(Data for processing)

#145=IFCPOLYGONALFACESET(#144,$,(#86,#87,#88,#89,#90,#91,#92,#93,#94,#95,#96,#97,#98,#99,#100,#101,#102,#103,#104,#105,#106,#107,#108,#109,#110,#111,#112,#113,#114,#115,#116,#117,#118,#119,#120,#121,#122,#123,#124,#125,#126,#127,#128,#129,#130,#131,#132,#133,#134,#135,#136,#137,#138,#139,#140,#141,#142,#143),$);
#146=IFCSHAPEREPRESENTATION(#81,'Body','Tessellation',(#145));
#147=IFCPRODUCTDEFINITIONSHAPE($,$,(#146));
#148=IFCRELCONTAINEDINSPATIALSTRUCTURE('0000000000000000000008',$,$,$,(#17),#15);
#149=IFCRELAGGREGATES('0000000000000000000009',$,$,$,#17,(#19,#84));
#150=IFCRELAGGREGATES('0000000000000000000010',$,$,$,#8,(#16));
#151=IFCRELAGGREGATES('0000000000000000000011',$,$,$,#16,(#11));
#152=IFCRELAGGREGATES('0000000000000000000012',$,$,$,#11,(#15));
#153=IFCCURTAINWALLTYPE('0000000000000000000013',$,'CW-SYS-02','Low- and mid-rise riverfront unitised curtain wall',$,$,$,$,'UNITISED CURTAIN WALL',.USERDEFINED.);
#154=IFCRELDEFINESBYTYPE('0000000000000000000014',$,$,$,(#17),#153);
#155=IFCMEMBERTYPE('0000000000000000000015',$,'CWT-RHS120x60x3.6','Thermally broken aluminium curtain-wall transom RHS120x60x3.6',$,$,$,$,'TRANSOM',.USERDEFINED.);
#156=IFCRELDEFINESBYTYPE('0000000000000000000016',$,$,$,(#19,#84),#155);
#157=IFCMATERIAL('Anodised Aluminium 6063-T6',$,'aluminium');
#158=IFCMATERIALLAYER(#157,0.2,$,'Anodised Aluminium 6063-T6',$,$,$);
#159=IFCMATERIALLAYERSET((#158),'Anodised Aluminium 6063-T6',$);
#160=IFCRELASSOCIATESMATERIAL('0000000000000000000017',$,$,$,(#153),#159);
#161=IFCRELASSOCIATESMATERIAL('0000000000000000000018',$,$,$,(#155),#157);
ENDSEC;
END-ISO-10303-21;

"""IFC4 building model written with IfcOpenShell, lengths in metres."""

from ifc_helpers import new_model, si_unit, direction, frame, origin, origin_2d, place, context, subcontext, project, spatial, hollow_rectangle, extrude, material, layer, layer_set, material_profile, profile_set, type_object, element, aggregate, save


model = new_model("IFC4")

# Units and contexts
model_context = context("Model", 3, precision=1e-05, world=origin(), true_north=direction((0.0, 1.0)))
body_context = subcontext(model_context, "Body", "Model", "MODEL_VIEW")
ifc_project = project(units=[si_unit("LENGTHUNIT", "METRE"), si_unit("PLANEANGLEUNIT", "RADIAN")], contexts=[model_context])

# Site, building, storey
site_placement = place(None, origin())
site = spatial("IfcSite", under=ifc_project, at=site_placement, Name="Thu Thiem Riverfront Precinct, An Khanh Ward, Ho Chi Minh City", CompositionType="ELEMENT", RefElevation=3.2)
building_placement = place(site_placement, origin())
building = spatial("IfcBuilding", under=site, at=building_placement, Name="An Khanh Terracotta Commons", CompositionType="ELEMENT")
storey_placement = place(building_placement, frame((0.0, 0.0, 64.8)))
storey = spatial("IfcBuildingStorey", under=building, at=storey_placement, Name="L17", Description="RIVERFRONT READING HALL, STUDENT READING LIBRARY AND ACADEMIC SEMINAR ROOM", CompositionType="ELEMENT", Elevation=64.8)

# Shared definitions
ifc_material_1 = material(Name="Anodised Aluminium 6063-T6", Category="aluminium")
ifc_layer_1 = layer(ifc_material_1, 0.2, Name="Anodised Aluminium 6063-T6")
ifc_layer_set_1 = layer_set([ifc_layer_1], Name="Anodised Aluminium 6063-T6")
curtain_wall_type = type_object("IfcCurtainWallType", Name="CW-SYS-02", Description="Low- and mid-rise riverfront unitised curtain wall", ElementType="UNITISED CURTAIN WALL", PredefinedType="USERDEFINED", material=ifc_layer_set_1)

(End Data for processing)

### Activity
Bring together all lines of the entries above in which the string "IFCRELAGGREGATES" occurs.

### Your response
#149=IFCRELAGGREGATES('0000000000000000000009',$,$,$,#17,(#19,#84));
#150=IFCRELAGGREGATES('0000000000000000000010',$,$,$,#8,(#16));
#151=IFCRELAGGREGATES('0000000000000000000011',$,$,$,#16,(#11));
#152=IFCRELAGGREGATES('0000000000000000000012',$,$,$,#11,(#15));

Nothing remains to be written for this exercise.